BEGIN DATA FOR PROCESSING

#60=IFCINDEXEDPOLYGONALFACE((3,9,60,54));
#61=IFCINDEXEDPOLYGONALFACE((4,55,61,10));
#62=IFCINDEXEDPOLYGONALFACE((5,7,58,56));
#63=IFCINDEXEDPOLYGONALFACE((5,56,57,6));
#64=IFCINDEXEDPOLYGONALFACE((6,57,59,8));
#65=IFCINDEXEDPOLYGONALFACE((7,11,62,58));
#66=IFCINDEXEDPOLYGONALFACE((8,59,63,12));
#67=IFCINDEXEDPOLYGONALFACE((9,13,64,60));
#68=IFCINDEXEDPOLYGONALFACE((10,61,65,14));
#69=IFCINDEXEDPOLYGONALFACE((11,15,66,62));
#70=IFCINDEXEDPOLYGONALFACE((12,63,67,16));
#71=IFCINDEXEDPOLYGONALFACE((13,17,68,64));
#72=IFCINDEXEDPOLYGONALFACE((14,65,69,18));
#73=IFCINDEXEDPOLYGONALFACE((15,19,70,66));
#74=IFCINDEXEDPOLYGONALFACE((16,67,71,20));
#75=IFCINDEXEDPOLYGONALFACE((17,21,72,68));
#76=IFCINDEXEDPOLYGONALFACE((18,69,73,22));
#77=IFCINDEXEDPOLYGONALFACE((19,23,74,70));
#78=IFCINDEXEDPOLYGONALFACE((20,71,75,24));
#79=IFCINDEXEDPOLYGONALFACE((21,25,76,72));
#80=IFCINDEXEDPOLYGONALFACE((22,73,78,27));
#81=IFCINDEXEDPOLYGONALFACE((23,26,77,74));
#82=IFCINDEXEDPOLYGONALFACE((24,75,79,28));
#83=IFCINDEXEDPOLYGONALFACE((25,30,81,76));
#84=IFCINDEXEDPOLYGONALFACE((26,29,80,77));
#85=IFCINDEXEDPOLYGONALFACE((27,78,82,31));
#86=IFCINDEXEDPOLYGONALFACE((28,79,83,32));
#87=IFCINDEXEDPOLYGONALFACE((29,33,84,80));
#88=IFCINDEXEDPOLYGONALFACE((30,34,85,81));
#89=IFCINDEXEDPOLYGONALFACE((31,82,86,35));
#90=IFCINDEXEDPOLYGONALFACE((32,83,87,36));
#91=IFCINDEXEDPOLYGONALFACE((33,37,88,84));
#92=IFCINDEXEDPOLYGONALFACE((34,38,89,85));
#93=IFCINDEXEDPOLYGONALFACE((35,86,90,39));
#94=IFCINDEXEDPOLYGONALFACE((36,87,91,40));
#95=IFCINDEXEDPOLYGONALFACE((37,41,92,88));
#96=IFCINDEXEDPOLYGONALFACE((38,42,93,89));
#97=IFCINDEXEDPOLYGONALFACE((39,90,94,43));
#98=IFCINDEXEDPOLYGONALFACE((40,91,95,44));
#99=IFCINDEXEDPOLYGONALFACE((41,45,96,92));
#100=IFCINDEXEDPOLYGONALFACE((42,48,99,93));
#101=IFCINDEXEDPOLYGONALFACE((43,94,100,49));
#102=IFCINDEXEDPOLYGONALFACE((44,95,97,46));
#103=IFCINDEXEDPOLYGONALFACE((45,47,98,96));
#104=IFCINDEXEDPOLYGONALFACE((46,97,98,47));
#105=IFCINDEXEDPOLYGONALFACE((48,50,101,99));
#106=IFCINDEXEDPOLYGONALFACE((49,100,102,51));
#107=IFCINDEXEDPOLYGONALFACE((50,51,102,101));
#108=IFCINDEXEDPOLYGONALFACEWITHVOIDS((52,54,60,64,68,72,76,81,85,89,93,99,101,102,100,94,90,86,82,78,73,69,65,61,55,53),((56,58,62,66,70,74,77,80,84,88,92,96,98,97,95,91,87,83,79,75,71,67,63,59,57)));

END DATA FOR PROCESSING

EXERCISE DESCRIPTION >>
In the listing above, find the line with "#61=IFCINDEXEDPOLYGONALFACE((4,55,61,10));" and the line with "#101=IFCINDEXEDPOLYGONALFACE((43,94,100,49));"; set down exactly those two lines and every line between them, nothing more.

WRITTEN RESPONSE >>
#61=IFCINDEXEDPOLYGONALFACE((4,55,61,10));
#62=IFCINDEXEDPOLYGONALFACE((5,7,58,56));
#63=IFCINDEXEDPOLYGONALFACE((5,56,57,6));
#64=IFCINDEXEDPOLYGONALFACE((6,57,59,8));
#65=IFCINDEXEDPOLYGONALFACE((7,11,62,58));
#66=IFCINDEXEDPOLYGONALFACE((8,59,63,12));
#67=IFCINDEXEDPOLYGONALFACE((9,13,64,60));
#68=IFCINDEXEDPOLYGONALFACE((10,61,65,14));
#69=IFCINDEXEDPOLYGONALFACE((11,15,66,62));
#70=IFCINDEXEDPOLYGONALFACE((12,63,67,16));
#71=IFCINDEXEDPOLYGONALFACE((13,17,68,64));
#72=IFCINDEXEDPOLYGONALFACE((14,65,69,18));
#73=IFCINDEXEDPOLYGONALFACE((15,19,70,66));
#74=IFCINDEXEDPOLYGONALFACE((16,67,71,20));
#75=IFCINDEXEDPOLYGONALFACE((17,21,72,68));
#76=IFCINDEXEDPOLYGONALFACE((18,69,73,22));
#77=IFCINDEXEDPOLYGONALFACE((19,23,74,70));
#78=IFCINDEXEDPOLYGONALFACE((20,71,75,24));
#79=IFCINDEXEDPOLYGONALFACE((21,25,76,72));
#80=IFCINDEXEDPOLYGONALFACE((22,73,78,27));
#81=IFCINDEXEDPOLYGONALFACE((23,26,77,74));
#82=IFCINDEXEDPOLYGONALFACE((24,75,79,28));
#83=IFCINDEXEDPOLYGONALFACE((25,30,81,76));
#84=IFCINDEXEDPOLYGONALFACE((26,29,80,77));
#85=IFCINDEXEDPOLYGONALFACE((27,78,82,31));
#86=IFCINDEXEDPOLYGONALFACE((28,79,83,32));
#87=IFCINDEXEDPOLYGONALFACE((29,33,84,80));
#88=IFCINDEXEDPOLYGONALFACE((30,34,85,81));
#89=IFCINDEXEDPOLYGONALFACE((31,82,86,35));
#90=IFCINDEXEDPOLYGONALFACE((32,83,87,36));
#91=IFCINDEXEDPOLYGONALFACE((33,37,88,84));
#92=IFCINDEXEDPOLYGONALFACE((34,38,89,85));
#93=IFCINDEXEDPOLYGONALFACE((35,86,90,39));
#94=IFCINDEXEDPOLYGONALFACE((36,87,91,40));
#95=IFCINDEXEDPOLYGONALFACE((37,41,92,88));
#96=IFCINDEXEDPOLYGONALFACE((38,42,93,89));
#97=IFCINDEXEDPOLYGONALFACE((39,90,94,43));
#98=IFCINDEXEDPOLYGONALFACE((40,91,95,44));
#99=IFCINDEXEDPOLYGONALFACE((41,45,96,92));
#100=IFCINDEXEDPOLYGONALFACE((42,48,99,93));
#101=IFCINDEXEDPOLYGONALFACE((43,94,100,49));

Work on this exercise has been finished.